<<<<
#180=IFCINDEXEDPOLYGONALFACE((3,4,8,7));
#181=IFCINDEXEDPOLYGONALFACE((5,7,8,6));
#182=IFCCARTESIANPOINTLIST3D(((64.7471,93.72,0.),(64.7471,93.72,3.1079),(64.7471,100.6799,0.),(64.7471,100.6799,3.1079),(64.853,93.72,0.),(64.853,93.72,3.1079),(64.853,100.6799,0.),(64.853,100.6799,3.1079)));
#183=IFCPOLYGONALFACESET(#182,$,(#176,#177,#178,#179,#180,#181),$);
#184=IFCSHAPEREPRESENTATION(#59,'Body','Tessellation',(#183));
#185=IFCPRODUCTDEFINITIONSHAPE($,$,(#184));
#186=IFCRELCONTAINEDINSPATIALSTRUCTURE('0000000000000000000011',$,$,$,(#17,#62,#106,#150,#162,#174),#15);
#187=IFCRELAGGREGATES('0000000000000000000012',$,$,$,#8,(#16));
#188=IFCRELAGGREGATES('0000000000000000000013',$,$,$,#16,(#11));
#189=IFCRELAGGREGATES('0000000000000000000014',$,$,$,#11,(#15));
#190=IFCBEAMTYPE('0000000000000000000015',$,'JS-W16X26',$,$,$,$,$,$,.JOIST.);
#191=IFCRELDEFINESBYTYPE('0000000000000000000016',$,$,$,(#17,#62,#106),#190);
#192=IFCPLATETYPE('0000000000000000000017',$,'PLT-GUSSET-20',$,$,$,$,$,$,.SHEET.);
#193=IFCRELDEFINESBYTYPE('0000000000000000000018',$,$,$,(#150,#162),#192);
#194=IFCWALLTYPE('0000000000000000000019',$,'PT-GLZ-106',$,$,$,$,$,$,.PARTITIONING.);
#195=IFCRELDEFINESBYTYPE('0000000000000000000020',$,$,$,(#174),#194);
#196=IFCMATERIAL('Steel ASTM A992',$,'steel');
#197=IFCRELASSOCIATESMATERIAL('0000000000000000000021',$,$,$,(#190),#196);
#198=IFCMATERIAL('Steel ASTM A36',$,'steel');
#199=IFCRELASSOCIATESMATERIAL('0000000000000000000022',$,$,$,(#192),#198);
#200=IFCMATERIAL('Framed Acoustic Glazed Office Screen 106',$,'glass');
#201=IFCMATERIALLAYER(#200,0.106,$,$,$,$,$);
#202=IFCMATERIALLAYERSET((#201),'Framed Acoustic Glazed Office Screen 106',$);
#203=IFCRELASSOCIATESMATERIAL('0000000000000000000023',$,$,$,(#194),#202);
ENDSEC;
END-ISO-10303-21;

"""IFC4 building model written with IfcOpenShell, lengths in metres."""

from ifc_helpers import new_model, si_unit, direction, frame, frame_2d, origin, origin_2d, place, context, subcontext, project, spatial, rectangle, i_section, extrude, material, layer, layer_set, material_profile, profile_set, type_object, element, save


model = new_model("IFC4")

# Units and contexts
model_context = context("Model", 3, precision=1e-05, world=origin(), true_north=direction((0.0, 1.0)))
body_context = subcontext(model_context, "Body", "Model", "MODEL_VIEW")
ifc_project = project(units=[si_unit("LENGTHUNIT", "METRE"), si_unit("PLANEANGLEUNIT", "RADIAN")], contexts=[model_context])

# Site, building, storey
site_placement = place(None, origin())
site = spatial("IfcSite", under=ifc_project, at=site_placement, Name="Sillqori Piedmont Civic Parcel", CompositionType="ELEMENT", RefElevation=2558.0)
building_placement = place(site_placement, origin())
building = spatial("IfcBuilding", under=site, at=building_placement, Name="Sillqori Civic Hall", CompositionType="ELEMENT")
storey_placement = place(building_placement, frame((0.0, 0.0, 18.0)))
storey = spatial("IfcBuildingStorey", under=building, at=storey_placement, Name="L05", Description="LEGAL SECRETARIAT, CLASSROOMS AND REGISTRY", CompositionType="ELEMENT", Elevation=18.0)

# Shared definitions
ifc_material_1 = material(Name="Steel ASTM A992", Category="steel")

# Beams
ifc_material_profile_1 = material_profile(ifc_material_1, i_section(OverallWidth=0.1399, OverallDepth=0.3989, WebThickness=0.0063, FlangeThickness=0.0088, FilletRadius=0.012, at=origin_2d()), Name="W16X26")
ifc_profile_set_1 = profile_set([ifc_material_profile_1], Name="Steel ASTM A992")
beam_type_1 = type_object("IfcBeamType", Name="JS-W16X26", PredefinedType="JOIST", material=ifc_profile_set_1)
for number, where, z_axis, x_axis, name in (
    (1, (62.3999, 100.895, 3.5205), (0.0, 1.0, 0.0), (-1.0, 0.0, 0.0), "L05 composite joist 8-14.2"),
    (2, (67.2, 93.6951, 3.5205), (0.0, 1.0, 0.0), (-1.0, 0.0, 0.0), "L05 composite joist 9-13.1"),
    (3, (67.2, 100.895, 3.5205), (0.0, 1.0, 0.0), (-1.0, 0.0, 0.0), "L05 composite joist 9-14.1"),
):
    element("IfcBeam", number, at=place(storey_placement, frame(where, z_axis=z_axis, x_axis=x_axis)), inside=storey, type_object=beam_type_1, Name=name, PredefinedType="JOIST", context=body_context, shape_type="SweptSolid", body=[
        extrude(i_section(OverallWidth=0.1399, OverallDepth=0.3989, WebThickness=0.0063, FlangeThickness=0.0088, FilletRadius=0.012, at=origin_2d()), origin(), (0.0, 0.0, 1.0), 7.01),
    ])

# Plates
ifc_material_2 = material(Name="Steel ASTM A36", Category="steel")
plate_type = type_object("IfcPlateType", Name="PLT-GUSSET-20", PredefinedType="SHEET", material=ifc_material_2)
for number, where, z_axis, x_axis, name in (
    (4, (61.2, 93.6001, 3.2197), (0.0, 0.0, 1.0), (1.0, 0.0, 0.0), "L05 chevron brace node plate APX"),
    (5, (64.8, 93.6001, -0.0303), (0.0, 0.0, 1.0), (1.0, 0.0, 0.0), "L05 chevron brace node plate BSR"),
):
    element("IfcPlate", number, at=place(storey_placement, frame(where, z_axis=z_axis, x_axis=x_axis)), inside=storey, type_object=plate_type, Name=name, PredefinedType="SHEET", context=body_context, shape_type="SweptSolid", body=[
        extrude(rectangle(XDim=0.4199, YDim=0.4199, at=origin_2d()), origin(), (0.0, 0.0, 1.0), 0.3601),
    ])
>>>>
<<<<
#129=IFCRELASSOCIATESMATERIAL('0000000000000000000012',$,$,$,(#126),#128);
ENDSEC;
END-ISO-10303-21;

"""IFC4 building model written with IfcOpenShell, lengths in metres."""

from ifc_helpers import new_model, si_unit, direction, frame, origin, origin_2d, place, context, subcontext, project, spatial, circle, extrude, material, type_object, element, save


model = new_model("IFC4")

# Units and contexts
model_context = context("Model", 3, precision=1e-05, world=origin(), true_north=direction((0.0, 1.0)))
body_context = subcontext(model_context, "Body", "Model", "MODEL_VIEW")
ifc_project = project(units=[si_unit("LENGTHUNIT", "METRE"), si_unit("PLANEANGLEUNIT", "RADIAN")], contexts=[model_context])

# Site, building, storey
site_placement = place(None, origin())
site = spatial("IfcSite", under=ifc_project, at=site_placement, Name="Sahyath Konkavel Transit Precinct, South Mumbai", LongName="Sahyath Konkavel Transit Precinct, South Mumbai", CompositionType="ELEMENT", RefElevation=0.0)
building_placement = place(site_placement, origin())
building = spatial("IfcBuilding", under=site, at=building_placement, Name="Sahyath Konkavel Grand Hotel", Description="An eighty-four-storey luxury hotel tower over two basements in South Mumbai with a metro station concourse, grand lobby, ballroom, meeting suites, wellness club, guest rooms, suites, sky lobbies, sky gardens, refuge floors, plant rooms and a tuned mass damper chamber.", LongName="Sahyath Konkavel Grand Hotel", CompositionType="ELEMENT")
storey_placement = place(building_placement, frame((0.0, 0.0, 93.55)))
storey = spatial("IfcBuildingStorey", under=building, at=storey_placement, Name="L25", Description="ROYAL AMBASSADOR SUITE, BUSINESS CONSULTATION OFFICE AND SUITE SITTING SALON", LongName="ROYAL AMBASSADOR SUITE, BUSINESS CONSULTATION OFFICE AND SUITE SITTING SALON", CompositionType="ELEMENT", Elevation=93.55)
>>>>
<<<<
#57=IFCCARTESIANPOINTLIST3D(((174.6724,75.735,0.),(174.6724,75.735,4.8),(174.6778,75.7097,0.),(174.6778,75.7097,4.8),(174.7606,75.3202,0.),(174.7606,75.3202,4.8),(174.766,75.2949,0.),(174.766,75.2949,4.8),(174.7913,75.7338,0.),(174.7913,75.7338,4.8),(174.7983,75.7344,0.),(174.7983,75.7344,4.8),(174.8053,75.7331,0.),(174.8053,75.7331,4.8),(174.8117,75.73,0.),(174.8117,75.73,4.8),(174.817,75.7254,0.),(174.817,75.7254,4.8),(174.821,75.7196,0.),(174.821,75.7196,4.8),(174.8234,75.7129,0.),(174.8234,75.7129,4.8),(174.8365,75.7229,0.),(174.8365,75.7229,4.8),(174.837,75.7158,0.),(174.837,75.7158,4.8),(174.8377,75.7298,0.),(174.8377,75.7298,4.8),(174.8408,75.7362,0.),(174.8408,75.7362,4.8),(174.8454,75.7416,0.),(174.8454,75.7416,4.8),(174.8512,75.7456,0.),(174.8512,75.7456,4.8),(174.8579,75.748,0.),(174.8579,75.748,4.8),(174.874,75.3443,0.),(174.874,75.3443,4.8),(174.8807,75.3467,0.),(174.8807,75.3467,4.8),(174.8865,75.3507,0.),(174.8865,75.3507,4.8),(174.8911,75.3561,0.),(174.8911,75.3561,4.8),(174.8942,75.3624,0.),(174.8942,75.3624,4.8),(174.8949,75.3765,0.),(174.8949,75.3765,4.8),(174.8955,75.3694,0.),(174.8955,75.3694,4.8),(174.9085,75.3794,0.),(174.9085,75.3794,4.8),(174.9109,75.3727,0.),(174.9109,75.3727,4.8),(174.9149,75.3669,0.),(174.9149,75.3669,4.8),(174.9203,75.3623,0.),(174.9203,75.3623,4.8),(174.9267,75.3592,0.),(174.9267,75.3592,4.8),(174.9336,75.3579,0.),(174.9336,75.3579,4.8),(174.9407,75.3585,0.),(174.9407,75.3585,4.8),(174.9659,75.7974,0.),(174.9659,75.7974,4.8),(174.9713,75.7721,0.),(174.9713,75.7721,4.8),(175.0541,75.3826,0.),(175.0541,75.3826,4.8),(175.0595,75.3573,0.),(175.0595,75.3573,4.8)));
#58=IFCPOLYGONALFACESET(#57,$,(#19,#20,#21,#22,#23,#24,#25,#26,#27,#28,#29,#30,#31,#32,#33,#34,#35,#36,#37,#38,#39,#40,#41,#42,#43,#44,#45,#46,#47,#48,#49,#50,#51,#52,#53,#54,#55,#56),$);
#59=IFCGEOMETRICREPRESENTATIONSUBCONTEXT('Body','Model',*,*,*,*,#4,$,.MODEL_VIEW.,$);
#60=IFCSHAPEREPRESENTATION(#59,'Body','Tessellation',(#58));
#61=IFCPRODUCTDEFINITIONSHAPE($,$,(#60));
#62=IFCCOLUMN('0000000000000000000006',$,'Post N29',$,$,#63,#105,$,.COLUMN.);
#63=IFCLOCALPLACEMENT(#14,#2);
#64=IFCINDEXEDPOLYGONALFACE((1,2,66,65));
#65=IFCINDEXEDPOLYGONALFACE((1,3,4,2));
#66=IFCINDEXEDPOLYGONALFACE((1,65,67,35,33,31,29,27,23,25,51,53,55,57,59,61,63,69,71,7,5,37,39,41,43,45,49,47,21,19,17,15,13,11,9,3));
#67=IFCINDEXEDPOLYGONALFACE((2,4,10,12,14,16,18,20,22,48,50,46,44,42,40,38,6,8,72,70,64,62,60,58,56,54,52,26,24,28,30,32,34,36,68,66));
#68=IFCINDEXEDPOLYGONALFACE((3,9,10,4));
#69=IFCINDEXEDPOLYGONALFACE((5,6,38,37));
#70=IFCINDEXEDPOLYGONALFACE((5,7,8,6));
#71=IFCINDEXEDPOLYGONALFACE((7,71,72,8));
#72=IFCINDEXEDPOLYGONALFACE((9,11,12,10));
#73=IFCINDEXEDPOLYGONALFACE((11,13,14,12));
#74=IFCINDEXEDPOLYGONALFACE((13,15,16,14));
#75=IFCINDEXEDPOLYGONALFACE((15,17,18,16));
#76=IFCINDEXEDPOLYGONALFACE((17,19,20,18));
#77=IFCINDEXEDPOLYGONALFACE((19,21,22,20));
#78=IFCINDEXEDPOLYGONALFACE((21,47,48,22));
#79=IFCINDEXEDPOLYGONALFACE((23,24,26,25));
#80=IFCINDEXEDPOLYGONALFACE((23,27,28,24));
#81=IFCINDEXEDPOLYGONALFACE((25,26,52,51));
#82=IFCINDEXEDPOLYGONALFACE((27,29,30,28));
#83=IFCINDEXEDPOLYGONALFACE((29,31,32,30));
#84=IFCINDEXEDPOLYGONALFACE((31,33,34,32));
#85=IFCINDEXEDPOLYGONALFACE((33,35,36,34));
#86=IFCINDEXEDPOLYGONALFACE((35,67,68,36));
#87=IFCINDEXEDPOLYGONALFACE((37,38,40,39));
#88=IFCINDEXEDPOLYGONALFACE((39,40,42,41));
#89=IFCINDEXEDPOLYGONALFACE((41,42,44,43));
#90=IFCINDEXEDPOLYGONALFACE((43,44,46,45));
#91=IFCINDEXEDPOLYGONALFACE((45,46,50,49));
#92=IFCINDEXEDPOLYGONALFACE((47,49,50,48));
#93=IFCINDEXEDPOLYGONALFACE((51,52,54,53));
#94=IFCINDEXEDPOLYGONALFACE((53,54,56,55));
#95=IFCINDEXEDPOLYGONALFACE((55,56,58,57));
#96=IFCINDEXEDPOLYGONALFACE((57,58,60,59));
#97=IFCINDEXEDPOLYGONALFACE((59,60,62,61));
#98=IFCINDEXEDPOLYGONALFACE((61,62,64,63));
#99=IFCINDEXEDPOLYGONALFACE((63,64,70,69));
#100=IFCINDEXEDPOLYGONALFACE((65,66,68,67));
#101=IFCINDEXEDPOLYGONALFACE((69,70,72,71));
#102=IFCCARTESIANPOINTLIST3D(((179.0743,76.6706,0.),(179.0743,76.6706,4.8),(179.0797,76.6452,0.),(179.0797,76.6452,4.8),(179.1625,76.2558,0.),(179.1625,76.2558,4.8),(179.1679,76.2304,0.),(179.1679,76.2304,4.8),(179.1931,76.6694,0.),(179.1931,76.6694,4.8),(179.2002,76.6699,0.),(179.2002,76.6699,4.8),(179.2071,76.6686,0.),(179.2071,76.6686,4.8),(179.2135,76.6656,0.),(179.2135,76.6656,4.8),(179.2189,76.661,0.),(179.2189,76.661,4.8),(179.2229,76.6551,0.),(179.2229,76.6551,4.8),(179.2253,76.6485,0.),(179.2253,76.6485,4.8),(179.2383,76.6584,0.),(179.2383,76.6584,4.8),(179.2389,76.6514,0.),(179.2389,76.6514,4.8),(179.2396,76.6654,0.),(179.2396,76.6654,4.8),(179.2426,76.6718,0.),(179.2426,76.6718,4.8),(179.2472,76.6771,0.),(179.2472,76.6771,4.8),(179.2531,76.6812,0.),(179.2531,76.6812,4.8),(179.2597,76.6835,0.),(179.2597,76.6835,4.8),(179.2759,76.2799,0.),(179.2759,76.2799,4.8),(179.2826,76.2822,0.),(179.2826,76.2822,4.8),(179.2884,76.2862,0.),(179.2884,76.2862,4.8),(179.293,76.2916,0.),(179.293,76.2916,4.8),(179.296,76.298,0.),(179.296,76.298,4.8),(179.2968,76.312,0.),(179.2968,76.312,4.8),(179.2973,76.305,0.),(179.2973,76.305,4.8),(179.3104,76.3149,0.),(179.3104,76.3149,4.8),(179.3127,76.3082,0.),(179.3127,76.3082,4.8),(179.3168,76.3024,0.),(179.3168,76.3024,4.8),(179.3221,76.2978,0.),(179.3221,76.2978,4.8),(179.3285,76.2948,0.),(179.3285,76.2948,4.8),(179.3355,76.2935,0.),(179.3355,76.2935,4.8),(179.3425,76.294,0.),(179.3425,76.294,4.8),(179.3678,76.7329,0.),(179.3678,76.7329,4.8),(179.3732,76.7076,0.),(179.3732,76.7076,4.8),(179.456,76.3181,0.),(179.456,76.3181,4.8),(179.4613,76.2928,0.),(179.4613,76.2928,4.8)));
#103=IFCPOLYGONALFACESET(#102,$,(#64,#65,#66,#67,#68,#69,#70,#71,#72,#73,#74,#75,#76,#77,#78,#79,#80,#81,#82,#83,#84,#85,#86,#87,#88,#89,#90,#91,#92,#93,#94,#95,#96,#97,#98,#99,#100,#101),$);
>>>>
WHAT YOU NEED TO DO: Out of the listing above, reproduce exactly the lines from the one with "#87=IFCINDEXEDPOLYGONALFACE((37,38,40,39));" up to and including the one with "#101=IFCINDEXEDPOLYGONALFACE((69,70,72,71));".

TASK SOLUTION:
#87=IFCINDEXEDPOLYGONALFACE((37,38,40,39));
#88=IFCINDEXEDPOLYGONALFACE((39,40,42,41));
#89=IFCINDEXEDPOLYGONALFACE((41,42,44,43));
#90=IFCINDEXEDPOLYGONALFACE((43,44,46,45));
#91=IFCINDEXEDPOLYGONALFACE((45,46,50,49));
#92=IFCINDEXEDPOLYGONALFACE((47,49,50,48));
#93=IFCINDEXEDPOLYGONALFACE((51,52,54,53));
#94=IFCINDEXEDPOLYGONALFACE((53,54,56,55));
#95=IFCINDEXEDPOLYGONALFACE((55,56,58,57));
#96=IFCINDEXEDPOLYGONALFACE((57,58,60,59));
#97=IFCINDEXEDPOLYGONALFACE((59,60,62,61));
#98=IFCINDEXEDPOLYGONALFACE((61,62,64,63));
#99=IFCINDEXEDPOLYGONALFACE((63,64,70,69));
#100=IFCINDEXEDPOLYGONALFACE((65,66,68,67));
#101=IFCINDEXEDPOLYGONALFACE((69,70,72,71));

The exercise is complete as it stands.